Exercise aim
Within the lines below, find those that hold the string "IFCPRODUCTDEFINITIONSHAPE" and copy each one.

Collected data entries
● ● ●
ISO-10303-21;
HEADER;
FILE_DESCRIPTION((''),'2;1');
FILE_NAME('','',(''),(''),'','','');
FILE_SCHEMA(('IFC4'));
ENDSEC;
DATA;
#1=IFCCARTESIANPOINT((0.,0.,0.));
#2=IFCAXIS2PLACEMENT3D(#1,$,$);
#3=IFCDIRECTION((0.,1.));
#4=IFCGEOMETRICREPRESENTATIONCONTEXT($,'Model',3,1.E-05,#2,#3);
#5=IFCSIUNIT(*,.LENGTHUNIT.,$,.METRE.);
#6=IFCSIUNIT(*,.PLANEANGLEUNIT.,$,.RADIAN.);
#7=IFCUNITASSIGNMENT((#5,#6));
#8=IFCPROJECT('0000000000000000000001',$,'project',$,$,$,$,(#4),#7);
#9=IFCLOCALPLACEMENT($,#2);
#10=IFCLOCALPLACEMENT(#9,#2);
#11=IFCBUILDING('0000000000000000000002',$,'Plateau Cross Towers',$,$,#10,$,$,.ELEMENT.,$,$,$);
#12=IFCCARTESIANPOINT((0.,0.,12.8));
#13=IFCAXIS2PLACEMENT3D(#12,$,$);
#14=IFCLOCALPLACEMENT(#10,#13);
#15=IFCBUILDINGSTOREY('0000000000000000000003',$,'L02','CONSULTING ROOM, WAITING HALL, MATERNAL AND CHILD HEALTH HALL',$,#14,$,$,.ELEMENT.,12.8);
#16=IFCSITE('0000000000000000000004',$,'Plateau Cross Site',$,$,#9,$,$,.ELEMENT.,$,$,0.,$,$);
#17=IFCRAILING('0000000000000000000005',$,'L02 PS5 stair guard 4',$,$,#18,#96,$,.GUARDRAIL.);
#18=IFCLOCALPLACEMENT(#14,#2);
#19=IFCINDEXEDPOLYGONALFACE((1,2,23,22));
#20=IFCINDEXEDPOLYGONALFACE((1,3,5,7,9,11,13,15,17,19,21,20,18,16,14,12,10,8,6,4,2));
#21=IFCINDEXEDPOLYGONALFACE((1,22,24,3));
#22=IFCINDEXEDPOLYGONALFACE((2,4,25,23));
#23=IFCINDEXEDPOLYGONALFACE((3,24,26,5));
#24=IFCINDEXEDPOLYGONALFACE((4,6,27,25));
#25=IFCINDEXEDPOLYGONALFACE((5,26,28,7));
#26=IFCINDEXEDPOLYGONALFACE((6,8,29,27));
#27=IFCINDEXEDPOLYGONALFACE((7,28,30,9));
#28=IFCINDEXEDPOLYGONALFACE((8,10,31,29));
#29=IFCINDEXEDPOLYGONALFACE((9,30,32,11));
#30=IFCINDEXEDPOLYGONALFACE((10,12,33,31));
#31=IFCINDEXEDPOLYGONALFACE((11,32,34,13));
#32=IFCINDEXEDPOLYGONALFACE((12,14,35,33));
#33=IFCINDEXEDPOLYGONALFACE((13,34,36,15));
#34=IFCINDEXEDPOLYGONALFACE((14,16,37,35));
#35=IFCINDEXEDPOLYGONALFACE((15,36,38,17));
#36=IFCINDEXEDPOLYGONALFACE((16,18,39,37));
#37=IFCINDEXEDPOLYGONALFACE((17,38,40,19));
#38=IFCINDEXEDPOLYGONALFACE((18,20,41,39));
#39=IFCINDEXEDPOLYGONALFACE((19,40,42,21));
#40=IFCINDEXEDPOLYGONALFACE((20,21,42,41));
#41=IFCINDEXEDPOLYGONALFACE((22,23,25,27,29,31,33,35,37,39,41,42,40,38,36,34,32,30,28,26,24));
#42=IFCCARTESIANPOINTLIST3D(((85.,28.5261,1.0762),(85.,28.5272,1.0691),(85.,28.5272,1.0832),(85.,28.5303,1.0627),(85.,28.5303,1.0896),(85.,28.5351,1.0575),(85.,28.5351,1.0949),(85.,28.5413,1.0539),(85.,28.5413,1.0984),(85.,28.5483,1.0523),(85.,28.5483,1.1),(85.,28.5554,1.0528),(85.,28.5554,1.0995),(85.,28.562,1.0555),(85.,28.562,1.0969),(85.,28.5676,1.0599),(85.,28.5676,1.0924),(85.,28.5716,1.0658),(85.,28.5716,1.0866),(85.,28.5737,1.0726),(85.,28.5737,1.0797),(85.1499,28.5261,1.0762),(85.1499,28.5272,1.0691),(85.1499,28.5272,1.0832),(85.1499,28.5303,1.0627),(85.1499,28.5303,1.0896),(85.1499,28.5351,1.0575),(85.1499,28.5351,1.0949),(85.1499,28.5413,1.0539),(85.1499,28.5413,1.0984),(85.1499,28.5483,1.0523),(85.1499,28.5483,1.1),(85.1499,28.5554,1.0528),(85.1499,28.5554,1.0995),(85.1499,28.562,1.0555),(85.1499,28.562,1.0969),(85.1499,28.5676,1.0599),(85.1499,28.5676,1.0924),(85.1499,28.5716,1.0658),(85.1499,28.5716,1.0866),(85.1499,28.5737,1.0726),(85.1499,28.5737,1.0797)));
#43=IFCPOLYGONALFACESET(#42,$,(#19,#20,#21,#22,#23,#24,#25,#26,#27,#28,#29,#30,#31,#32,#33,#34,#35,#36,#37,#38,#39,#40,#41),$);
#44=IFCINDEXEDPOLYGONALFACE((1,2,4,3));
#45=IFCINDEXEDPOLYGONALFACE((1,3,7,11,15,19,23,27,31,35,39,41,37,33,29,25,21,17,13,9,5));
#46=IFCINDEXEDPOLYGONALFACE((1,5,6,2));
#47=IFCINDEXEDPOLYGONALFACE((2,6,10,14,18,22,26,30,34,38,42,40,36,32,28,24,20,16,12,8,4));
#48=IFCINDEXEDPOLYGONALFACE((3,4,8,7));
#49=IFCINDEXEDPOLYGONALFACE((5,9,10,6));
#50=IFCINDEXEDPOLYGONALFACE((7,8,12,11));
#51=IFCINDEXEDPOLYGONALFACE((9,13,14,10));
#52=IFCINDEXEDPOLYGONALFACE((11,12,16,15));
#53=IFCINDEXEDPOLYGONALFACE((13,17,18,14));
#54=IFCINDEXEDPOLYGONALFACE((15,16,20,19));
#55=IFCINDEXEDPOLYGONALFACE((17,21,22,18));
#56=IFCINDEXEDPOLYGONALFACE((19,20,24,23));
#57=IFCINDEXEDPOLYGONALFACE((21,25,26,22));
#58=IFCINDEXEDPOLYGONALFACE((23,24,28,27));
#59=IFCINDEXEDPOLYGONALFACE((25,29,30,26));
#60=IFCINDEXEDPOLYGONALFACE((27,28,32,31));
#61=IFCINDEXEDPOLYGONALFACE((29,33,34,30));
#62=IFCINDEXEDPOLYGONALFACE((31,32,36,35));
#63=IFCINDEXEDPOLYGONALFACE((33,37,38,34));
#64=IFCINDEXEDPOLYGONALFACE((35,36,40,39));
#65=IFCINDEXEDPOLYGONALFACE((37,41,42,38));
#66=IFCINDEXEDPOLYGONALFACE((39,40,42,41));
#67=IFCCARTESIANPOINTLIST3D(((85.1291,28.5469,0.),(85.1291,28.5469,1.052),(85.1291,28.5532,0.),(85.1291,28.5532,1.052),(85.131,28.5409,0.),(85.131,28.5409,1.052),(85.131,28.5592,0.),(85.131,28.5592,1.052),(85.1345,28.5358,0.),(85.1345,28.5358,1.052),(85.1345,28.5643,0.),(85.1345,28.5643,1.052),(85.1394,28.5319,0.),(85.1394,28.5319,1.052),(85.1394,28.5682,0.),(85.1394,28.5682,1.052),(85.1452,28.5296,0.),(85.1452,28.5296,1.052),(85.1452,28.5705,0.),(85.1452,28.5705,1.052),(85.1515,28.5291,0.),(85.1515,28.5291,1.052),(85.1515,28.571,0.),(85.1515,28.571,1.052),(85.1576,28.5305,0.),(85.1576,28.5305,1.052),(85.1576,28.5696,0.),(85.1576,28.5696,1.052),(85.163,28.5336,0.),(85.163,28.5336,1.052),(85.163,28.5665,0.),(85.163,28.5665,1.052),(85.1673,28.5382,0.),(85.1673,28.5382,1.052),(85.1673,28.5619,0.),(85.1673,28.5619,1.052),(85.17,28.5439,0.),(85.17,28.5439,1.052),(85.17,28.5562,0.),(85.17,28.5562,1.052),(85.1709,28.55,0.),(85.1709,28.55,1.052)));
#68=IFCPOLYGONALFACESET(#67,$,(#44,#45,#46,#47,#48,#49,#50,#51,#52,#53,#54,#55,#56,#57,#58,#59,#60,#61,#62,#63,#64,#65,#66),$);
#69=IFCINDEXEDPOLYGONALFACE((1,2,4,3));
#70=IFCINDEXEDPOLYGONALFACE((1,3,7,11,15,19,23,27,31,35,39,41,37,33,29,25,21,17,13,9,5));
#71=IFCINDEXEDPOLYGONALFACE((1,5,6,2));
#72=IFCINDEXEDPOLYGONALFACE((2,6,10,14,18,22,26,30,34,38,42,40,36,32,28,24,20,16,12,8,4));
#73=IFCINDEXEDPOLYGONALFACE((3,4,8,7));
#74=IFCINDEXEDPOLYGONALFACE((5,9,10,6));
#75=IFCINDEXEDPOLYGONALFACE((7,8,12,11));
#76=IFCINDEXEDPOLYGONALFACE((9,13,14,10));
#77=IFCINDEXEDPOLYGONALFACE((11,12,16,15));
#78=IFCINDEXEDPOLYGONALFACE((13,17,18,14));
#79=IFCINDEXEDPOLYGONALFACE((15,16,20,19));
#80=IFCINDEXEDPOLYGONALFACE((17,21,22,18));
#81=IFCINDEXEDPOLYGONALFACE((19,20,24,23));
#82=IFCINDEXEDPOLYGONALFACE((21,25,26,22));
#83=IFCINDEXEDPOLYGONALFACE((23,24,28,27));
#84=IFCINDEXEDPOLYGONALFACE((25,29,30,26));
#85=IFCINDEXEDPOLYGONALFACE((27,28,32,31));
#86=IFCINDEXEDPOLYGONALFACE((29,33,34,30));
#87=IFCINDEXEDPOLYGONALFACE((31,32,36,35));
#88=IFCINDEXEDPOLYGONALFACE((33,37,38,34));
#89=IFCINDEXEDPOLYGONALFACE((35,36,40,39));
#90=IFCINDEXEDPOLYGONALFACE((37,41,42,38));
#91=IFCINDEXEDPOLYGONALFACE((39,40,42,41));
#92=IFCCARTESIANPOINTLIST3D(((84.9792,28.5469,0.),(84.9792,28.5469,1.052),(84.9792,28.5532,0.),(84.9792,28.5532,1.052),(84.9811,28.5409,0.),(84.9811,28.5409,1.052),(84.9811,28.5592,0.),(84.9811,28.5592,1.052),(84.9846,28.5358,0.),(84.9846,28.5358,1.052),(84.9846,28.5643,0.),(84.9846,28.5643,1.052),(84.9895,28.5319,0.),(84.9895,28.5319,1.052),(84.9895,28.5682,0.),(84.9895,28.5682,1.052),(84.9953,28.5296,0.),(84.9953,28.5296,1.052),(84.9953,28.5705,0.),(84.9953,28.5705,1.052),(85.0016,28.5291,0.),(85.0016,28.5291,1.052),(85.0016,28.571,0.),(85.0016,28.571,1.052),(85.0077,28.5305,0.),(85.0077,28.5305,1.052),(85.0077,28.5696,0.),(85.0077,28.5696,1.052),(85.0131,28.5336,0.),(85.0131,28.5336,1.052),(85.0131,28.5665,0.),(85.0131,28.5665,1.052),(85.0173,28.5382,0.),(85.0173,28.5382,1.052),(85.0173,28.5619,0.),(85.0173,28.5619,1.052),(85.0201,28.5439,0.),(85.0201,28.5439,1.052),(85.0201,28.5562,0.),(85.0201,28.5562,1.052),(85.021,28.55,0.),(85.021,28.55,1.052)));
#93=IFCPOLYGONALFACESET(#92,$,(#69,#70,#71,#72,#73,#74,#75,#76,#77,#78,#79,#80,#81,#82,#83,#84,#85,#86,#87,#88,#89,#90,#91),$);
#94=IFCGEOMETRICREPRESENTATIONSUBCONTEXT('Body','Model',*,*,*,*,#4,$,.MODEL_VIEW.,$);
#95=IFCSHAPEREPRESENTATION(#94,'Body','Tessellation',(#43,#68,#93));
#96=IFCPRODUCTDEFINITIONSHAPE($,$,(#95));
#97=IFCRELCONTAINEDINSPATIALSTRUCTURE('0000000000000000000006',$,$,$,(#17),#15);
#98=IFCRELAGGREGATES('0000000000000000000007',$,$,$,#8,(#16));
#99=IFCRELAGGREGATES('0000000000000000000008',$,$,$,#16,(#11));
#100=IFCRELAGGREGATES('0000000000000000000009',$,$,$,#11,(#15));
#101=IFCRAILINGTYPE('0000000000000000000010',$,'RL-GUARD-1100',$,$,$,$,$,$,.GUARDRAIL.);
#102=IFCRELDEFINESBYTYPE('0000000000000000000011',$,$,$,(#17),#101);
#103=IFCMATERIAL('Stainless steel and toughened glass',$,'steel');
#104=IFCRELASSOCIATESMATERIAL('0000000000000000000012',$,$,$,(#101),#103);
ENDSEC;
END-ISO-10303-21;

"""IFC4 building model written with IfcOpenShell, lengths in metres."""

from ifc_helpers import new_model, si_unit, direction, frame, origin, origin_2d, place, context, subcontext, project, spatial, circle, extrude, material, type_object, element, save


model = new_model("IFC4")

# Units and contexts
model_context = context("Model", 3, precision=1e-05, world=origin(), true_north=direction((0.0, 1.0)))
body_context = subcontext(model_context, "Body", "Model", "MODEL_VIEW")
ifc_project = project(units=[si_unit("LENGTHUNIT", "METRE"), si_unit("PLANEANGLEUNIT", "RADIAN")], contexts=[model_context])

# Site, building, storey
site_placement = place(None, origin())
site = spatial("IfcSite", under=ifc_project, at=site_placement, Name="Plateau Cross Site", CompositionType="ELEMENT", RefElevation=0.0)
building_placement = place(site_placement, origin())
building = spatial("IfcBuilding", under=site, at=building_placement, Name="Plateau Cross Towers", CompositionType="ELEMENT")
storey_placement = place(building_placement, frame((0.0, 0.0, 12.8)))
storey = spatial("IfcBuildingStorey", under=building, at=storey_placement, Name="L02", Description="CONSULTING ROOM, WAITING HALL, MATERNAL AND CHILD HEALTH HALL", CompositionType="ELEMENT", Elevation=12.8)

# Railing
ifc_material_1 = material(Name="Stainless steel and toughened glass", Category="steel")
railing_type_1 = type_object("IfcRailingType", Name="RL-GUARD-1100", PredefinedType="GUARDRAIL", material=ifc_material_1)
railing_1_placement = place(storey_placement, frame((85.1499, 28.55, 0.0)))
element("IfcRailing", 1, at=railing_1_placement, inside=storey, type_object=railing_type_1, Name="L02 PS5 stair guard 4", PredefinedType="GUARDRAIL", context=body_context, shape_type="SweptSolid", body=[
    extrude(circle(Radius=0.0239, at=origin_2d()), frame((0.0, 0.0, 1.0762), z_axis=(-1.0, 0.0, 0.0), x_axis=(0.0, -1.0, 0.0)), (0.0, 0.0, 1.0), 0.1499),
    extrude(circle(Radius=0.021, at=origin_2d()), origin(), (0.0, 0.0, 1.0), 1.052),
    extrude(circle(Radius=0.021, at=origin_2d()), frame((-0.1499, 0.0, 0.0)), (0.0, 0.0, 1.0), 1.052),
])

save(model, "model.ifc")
● ● ●
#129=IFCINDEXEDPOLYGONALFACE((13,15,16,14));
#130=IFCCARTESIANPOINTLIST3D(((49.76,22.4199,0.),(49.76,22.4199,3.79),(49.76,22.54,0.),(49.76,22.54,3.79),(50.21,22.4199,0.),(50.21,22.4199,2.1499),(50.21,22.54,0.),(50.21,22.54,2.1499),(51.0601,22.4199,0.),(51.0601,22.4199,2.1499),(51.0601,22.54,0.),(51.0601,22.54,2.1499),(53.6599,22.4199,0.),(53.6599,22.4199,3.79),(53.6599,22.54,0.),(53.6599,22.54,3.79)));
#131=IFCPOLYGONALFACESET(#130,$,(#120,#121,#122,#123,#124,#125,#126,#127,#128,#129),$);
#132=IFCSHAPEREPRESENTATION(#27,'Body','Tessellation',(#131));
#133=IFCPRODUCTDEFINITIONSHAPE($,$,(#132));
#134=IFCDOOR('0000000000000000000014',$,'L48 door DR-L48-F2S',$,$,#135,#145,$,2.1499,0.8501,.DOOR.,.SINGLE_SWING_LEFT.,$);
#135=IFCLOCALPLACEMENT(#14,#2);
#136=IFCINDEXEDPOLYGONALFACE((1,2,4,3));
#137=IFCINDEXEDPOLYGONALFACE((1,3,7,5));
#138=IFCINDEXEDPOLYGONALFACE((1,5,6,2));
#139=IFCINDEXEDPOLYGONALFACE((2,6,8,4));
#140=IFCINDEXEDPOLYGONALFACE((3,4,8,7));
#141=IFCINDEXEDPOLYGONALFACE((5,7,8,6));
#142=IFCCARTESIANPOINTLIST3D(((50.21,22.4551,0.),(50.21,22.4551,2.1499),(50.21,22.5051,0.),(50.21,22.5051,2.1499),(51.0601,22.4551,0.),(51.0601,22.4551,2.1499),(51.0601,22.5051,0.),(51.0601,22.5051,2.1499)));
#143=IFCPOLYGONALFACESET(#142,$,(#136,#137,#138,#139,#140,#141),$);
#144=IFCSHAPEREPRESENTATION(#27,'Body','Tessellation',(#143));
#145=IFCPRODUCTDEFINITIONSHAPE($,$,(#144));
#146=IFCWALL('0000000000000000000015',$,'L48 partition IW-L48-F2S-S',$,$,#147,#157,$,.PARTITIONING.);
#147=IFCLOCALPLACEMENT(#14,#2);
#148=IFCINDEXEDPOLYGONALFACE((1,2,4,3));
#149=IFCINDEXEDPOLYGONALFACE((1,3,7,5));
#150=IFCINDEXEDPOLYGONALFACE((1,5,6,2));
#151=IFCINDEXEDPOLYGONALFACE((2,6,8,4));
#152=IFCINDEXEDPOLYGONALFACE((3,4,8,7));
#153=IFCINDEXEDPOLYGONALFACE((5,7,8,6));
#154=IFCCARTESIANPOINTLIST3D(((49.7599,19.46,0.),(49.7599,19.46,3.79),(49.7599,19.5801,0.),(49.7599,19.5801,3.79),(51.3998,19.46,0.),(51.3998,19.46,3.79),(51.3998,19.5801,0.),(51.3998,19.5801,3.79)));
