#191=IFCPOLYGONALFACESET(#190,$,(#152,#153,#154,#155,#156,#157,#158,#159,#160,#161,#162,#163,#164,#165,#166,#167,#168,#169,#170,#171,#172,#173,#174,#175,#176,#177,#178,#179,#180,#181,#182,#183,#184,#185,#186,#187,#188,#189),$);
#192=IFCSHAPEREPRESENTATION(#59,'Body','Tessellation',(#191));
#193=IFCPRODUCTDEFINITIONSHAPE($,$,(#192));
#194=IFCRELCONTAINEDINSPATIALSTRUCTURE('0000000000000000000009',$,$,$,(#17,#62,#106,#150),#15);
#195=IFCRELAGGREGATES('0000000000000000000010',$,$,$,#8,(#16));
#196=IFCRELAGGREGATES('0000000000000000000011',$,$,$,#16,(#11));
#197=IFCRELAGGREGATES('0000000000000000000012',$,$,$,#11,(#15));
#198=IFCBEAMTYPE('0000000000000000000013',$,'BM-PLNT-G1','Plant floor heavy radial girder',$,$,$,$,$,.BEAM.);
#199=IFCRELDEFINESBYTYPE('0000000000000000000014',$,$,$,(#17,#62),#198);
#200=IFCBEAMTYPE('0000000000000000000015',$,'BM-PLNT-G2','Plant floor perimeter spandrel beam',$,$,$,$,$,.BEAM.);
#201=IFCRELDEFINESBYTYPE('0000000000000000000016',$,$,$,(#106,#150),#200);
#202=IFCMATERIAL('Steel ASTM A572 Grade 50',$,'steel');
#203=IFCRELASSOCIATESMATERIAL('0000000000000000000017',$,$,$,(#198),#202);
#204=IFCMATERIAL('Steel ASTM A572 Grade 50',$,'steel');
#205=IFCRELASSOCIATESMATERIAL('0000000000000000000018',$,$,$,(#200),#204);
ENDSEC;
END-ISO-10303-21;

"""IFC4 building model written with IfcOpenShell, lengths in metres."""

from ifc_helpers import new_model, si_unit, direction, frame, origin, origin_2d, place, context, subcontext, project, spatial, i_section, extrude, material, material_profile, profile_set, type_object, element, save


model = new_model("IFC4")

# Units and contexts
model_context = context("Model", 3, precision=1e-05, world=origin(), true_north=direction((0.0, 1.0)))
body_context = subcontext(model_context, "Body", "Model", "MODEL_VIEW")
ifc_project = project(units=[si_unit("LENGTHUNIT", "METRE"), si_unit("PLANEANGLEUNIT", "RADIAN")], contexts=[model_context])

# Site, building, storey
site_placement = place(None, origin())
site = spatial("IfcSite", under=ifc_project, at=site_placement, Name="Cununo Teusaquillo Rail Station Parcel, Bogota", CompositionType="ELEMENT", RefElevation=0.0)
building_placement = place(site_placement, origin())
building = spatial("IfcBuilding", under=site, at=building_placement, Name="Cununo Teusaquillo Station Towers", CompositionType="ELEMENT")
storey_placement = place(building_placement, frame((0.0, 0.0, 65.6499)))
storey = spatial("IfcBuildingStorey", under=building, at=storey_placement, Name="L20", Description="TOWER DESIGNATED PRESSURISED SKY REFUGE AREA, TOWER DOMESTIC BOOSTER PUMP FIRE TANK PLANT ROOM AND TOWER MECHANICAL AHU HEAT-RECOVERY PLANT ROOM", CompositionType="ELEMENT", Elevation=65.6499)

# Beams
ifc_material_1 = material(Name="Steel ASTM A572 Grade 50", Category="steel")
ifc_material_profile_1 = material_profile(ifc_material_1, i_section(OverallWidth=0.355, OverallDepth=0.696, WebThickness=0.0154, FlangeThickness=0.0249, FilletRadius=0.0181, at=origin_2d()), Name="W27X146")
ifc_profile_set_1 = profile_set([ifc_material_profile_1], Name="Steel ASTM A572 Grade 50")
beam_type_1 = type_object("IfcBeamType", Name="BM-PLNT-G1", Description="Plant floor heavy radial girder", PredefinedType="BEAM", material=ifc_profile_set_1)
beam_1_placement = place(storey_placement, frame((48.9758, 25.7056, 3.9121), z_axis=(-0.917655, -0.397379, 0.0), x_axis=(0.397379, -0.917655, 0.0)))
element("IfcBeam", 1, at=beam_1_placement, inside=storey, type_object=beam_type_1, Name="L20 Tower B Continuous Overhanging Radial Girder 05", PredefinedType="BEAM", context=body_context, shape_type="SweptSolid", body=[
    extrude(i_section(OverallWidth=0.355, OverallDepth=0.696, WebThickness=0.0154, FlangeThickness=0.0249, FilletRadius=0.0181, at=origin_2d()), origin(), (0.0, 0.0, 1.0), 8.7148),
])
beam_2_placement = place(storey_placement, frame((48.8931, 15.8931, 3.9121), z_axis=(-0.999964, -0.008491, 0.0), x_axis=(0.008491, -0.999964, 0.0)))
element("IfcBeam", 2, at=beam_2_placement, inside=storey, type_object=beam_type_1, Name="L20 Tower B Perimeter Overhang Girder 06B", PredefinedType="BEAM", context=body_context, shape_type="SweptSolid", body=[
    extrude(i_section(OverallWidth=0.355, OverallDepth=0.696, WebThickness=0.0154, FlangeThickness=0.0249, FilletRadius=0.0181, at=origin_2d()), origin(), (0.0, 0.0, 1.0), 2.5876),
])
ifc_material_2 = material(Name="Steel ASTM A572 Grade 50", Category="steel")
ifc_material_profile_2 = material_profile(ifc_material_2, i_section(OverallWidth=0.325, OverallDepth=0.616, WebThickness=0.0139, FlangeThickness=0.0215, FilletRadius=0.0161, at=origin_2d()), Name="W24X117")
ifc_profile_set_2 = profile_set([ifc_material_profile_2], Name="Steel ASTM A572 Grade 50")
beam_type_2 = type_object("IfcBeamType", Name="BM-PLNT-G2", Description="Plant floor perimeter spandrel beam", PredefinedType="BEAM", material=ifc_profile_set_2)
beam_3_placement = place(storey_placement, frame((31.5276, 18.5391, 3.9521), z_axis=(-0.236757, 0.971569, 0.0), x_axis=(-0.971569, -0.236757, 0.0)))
● ● ●
Written answer
#96=IFCPRODUCTDEFINITIONSHAPE($,$,(#95));
#133=IFCPRODUCTDEFINITIONSHAPE($,$,(#132));
#145=IFCPRODUCTDEFINITIONSHAPE($,$,(#144));
#193=IFCPRODUCTDEFINITIONSHAPE($,$,(#192));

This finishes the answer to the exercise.